Segment Start: DATA TO USE

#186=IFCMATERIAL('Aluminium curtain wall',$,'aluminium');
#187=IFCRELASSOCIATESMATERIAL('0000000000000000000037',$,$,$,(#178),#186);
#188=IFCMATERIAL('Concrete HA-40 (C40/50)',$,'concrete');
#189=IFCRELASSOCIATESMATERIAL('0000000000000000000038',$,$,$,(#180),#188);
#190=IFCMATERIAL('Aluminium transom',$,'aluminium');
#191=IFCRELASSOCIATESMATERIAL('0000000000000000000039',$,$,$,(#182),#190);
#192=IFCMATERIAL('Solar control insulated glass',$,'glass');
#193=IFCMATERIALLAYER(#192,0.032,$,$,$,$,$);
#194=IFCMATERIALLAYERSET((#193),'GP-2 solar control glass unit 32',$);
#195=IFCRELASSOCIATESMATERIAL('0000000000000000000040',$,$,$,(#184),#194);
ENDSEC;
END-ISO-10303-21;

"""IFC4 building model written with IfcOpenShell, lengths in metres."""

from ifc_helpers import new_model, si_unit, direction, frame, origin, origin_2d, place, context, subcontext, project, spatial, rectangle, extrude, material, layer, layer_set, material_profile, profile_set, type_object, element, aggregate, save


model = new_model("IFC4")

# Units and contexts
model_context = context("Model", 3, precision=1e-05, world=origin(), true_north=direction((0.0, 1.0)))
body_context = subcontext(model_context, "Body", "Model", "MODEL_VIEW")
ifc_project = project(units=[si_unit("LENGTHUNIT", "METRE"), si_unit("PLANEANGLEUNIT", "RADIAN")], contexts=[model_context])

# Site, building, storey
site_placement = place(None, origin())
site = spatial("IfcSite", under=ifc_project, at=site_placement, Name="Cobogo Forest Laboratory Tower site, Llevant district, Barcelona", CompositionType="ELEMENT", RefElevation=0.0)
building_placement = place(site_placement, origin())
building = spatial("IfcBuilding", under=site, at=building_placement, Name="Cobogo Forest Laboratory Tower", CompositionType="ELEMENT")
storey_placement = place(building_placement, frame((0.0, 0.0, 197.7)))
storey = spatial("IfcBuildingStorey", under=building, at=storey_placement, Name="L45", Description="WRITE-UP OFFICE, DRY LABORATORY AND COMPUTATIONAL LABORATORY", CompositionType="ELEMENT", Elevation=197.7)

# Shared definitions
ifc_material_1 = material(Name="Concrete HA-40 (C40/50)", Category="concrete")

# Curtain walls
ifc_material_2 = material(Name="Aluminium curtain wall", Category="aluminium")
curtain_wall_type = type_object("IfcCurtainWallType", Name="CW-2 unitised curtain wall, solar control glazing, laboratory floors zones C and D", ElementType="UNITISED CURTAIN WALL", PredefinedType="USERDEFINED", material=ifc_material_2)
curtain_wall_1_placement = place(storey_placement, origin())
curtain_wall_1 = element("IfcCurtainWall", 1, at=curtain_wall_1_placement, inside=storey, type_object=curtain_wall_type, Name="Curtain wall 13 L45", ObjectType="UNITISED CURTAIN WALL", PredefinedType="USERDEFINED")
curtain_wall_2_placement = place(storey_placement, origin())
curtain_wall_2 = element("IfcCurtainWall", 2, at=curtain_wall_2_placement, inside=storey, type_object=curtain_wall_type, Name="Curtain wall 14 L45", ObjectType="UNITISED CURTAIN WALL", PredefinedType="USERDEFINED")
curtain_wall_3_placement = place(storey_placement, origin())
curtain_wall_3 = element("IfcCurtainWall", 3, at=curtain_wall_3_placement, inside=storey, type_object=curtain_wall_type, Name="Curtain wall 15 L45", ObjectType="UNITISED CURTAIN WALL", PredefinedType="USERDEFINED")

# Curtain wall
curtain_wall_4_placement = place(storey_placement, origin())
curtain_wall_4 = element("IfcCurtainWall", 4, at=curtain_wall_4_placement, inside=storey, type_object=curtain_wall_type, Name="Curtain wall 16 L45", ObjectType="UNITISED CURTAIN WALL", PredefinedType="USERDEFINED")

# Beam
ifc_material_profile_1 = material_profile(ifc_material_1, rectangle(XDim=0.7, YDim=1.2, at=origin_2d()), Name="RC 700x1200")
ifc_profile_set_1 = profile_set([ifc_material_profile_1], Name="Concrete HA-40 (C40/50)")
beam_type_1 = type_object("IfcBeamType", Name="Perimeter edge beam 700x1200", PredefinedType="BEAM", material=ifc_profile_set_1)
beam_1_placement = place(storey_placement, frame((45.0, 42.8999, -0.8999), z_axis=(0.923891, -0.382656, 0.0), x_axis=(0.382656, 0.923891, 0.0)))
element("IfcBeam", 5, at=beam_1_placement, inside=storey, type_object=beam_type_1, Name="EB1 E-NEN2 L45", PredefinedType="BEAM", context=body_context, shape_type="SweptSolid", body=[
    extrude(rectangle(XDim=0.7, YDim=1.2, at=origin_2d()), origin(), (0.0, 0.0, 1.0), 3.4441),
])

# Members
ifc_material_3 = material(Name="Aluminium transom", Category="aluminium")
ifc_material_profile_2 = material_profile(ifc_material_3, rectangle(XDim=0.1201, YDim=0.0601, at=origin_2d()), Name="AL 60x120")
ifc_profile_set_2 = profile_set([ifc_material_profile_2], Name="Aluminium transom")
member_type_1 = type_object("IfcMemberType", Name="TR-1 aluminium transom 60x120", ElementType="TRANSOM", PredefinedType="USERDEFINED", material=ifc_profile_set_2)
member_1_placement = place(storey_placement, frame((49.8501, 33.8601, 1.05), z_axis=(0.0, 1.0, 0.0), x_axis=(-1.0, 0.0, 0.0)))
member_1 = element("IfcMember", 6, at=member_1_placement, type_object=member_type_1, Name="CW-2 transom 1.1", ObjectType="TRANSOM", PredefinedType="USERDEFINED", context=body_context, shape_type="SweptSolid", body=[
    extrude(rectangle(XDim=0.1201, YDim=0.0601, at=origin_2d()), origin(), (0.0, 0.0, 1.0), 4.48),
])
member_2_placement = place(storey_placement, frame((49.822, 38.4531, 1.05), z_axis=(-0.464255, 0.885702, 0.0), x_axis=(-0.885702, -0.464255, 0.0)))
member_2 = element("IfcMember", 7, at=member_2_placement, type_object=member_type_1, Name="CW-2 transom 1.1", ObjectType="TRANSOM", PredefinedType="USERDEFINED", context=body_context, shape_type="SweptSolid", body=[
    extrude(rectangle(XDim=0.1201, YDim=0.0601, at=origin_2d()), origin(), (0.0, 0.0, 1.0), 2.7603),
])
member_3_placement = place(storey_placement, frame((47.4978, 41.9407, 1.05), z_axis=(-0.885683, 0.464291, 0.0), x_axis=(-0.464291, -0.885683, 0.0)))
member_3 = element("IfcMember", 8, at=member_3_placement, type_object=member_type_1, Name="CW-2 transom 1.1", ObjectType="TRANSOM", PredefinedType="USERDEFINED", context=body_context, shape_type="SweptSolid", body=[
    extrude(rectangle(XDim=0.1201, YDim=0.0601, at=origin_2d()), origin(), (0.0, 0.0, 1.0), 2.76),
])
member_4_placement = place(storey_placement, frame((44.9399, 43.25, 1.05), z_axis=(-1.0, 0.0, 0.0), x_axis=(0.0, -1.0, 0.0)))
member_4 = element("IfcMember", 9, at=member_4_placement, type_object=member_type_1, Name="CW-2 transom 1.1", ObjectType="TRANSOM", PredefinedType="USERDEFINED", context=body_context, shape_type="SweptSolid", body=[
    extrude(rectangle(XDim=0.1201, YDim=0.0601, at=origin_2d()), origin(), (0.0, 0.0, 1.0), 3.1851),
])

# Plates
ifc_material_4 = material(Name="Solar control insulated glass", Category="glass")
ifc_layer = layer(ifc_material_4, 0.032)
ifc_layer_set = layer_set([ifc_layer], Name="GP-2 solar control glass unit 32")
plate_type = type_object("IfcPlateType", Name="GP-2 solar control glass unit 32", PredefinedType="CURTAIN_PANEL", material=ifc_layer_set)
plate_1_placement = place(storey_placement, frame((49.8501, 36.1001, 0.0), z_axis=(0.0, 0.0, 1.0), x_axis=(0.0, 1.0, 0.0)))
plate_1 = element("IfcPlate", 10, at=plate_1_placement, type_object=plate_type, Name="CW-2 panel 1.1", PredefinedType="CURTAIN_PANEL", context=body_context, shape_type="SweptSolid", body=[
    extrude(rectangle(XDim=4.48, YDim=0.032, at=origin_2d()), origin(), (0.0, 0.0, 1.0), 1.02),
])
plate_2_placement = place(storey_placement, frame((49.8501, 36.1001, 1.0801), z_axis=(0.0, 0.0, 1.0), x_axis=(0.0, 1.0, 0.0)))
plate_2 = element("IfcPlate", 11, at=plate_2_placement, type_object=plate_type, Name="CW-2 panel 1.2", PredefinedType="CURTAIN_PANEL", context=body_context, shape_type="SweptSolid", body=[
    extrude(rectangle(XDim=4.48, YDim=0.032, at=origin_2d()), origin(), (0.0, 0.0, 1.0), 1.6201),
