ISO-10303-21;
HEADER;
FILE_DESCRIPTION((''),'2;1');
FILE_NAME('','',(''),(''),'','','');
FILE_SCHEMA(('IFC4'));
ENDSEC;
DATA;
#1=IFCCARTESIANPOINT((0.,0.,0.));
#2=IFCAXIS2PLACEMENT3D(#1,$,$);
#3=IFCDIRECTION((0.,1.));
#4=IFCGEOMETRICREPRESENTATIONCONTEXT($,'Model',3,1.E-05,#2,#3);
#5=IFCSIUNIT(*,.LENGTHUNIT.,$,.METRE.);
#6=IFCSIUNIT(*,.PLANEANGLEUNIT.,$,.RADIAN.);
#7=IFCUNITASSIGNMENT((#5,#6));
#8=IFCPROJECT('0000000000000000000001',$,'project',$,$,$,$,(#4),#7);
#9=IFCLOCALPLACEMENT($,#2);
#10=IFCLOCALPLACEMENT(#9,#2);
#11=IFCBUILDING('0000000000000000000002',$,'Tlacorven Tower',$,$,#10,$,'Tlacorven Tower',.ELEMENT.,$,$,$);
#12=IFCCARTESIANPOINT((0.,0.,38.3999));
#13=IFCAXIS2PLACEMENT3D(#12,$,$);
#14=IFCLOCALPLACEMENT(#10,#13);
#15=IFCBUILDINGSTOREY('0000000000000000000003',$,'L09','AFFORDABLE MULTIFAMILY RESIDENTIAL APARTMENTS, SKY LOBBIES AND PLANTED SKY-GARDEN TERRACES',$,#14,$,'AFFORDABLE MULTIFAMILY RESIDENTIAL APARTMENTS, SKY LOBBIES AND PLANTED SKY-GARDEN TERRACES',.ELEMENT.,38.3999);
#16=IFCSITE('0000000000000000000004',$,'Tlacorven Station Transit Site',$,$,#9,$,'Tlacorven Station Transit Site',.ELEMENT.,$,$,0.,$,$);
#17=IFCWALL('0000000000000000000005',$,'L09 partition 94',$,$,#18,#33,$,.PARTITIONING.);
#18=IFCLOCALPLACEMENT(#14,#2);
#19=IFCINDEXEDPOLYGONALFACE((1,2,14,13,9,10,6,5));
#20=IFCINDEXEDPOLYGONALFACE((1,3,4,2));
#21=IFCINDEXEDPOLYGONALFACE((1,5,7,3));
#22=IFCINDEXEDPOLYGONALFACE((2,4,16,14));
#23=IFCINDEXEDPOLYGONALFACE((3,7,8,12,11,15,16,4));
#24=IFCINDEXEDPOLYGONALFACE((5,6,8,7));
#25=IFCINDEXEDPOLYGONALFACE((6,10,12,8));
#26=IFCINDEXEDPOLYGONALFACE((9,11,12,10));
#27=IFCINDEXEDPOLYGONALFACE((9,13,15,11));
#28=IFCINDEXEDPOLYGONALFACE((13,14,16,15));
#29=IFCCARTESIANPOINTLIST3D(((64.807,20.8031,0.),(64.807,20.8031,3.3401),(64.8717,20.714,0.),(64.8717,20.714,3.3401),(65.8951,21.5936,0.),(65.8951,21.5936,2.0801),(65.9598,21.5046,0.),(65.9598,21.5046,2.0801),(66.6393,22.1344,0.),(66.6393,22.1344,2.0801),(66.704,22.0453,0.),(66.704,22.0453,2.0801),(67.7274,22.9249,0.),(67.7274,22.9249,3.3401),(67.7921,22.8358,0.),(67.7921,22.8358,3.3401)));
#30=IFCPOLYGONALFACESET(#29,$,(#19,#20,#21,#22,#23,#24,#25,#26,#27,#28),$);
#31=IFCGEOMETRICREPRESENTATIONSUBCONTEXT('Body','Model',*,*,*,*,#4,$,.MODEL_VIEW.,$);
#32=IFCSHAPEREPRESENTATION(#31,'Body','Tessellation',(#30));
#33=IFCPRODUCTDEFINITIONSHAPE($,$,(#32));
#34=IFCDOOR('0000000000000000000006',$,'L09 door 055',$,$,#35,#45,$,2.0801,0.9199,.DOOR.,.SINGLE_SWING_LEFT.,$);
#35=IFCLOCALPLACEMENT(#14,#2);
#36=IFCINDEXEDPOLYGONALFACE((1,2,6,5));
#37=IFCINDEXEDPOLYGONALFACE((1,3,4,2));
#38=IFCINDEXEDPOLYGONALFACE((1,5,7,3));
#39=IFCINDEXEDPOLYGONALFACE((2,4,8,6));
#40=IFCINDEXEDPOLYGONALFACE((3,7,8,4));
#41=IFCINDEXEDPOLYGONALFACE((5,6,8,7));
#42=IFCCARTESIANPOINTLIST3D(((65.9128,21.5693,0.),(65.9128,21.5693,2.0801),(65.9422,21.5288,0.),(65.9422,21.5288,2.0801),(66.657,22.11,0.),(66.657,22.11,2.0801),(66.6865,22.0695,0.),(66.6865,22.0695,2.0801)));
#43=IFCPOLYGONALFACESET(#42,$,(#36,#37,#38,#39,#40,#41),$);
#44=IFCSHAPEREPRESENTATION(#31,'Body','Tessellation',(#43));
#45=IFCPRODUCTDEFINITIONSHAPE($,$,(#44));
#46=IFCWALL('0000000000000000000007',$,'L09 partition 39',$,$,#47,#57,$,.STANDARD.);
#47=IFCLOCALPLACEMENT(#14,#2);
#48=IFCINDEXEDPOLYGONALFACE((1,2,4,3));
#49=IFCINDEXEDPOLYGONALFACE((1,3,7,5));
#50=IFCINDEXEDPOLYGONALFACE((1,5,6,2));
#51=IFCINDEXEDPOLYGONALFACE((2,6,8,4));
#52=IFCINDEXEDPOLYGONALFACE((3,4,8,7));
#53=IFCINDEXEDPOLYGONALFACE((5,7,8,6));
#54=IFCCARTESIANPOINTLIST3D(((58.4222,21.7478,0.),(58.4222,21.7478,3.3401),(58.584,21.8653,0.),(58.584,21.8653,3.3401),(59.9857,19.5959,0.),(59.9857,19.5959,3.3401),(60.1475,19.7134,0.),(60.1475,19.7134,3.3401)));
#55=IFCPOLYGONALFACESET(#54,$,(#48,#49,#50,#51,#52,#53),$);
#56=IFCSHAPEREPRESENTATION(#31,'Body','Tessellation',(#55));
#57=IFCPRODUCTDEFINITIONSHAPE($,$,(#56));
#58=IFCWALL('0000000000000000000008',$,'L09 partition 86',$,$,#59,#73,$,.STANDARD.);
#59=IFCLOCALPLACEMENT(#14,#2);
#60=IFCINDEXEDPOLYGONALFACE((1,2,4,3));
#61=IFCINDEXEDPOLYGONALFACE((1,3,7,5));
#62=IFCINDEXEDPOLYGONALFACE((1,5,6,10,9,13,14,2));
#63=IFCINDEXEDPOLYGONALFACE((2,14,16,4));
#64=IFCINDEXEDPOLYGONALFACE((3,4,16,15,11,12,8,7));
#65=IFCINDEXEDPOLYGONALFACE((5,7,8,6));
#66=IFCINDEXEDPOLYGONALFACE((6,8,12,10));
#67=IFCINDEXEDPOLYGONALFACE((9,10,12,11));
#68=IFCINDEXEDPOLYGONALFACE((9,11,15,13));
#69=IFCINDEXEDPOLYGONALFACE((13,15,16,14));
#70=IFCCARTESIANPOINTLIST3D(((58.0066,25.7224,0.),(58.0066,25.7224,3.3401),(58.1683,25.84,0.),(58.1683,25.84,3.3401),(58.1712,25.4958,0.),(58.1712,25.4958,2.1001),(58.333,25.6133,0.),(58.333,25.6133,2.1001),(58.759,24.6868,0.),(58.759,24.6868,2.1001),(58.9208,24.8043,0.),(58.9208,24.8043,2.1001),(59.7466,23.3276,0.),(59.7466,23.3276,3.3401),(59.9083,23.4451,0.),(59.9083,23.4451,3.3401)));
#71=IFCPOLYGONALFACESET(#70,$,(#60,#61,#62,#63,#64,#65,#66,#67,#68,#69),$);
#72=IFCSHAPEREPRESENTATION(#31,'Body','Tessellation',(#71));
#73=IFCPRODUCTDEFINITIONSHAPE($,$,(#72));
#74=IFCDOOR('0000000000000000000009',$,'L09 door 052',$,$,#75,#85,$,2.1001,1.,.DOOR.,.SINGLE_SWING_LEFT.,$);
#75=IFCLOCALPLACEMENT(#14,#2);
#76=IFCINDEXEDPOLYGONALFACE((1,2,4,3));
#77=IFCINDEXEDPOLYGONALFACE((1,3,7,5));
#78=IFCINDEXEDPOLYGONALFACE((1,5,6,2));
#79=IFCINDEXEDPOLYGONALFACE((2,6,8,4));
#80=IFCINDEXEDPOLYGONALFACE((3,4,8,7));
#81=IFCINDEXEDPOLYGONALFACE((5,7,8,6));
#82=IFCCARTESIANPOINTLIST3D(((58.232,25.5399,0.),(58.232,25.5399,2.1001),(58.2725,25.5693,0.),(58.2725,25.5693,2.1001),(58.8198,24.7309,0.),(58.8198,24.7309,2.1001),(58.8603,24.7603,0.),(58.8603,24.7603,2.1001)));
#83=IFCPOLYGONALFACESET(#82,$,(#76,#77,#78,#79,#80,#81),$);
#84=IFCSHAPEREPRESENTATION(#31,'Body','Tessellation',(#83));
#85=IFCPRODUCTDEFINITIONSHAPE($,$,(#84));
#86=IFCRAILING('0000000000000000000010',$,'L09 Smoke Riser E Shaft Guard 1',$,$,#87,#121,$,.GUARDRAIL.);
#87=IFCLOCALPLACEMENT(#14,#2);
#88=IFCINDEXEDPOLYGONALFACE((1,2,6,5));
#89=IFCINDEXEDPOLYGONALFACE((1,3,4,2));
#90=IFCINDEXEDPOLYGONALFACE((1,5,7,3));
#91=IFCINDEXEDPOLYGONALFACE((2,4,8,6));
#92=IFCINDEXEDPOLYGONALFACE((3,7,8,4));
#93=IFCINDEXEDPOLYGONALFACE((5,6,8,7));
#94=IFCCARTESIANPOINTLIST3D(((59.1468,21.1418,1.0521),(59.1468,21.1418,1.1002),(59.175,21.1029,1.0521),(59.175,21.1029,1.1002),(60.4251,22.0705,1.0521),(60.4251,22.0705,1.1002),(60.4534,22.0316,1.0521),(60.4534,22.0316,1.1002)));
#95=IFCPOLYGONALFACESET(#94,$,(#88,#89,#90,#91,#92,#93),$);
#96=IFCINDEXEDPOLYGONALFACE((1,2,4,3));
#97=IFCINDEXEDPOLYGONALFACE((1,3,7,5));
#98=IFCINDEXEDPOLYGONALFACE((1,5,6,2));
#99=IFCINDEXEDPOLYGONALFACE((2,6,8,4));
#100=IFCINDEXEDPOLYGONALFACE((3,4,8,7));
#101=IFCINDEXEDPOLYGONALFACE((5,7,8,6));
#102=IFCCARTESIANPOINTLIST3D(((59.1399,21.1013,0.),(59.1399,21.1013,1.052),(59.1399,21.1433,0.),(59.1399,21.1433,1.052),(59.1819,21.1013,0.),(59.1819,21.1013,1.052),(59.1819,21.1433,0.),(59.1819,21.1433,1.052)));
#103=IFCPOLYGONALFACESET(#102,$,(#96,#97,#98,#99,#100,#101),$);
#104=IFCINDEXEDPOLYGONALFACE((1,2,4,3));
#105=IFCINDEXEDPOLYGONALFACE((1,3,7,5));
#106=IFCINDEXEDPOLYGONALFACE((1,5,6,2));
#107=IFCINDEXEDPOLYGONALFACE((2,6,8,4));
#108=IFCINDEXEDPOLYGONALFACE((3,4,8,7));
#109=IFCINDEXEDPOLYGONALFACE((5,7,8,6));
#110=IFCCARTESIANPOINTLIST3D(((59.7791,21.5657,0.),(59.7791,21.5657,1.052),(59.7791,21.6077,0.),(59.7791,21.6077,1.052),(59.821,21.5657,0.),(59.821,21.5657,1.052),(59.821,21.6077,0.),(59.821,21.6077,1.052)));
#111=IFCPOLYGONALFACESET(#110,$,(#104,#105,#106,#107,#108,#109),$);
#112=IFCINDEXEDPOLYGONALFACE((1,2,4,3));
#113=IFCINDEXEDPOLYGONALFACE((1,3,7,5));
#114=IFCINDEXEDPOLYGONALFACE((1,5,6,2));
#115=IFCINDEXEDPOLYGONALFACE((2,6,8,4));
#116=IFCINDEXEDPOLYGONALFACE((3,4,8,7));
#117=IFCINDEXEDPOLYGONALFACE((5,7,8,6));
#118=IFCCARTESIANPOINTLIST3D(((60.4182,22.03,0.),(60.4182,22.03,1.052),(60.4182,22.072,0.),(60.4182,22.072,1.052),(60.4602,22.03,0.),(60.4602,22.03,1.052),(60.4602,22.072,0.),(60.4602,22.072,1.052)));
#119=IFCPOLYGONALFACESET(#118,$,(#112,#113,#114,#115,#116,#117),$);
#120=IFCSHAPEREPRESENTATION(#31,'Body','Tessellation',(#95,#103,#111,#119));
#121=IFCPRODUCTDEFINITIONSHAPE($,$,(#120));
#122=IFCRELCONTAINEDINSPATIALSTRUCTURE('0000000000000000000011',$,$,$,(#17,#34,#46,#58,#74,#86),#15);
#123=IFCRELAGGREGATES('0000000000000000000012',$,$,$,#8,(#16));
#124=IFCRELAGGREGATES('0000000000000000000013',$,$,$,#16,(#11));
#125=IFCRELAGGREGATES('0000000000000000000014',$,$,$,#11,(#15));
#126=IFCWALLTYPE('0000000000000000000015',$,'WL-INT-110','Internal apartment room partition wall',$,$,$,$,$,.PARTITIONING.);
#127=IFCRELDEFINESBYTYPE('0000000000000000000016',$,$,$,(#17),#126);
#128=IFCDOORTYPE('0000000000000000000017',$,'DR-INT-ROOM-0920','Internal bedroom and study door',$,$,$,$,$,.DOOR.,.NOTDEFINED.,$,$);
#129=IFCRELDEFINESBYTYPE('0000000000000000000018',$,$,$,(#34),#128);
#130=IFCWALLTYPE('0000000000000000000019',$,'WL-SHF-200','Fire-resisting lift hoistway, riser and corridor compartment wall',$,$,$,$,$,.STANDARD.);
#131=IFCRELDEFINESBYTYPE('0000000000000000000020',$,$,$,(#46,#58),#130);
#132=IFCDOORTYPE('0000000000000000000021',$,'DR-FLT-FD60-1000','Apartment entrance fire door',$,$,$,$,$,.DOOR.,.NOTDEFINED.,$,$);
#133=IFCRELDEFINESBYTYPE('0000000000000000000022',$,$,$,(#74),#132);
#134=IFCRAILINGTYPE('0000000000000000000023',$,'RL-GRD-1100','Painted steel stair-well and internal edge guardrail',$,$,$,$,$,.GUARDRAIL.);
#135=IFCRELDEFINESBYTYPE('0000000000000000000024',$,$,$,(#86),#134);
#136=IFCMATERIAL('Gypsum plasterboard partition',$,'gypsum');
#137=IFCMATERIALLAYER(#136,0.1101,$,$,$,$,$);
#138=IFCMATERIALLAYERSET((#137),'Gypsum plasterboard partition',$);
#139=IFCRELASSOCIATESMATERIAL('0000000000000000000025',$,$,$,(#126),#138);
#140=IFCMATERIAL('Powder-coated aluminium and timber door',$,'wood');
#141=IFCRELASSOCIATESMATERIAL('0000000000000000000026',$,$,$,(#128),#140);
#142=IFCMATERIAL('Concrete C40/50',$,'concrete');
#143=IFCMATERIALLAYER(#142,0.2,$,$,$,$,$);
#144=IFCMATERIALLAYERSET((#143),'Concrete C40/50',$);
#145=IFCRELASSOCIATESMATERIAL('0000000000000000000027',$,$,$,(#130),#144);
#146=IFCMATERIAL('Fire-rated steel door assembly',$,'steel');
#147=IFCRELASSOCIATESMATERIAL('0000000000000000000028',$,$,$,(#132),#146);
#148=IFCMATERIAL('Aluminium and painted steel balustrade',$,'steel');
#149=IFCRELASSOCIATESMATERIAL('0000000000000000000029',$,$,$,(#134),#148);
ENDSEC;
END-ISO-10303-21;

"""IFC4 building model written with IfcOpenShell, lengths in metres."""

from ifc_helpers import new_model, si_unit, direction, frame, frame_2d, origin, origin_2d, place, context, subcontext, project, spatial, rectangle, extrude, source, transform, mapped, material, layer, layer_set, type_object, element, fill, save


model = new_model("IFC4")

# Units and contexts
model_context = context("Model", 3, precision=1e-05, world=origin(), true_north=direction((0.0, 1.0)))
body_context = subcontext(model_context, "Body", "Model", "MODEL_VIEW")
ifc_project = project(units=[si_unit("LENGTHUNIT", "METRE"), si_unit("PLANEANGLEUNIT", "RADIAN")], contexts=[model_context])

# Site, building, storey
site_placement = place(None, origin())
site = spatial("IfcSite", under=ifc_project, at=site_placement, Name="Tlacorven Station Transit Site", LongName="Tlacorven Station Transit Site", CompositionType="ELEMENT", RefElevation=0.0)
building_placement = place(site_placement, origin())
building = spatial("IfcBuilding", under=site, at=building_placement, Name="Tlacorven Tower", LongName="Tlacorven Tower", CompositionType="ELEMENT")
storey_placement = place(building_placement, frame((0.0, 0.0, 38.3999)))
storey = spatial("IfcBuildingStorey", under=building, at=storey_placement, Name="L09", Description="AFFORDABLE MULTIFAMILY RESIDENTIAL APARTMENTS, SKY LOBBIES AND PLANTED SKY-GARDEN TERRACES", LongName="AFFORDABLE MULTIFAMILY RESIDENTIAL APARTMENTS, SKY LOBBIES AND PLANTED SKY-GARDEN TERRACES", CompositionType="ELEMENT", Elevation=38.3999)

Segment End: DATA TO USE

## WHAT THE EXERCISE ASKS
For this exercise, gather every line of the data that contains the word "ElementType".

## TASK OUTPUT
curtain_wall_type = type_object("IfcCurtainWallType", Name="CW-2 unitised curtain wall, solar control glazing, laboratory floors zones C and D", ElementType="UNITISED CURTAIN WALL", PredefinedType="USERDEFINED", material=ifc_material_2)
member_type_1 = type_object("IfcMemberType", Name="TR-1 aluminium transom 60x120", ElementType="TRANSOM", PredefinedType="USERDEFINED", material=ifc_profile_set_2)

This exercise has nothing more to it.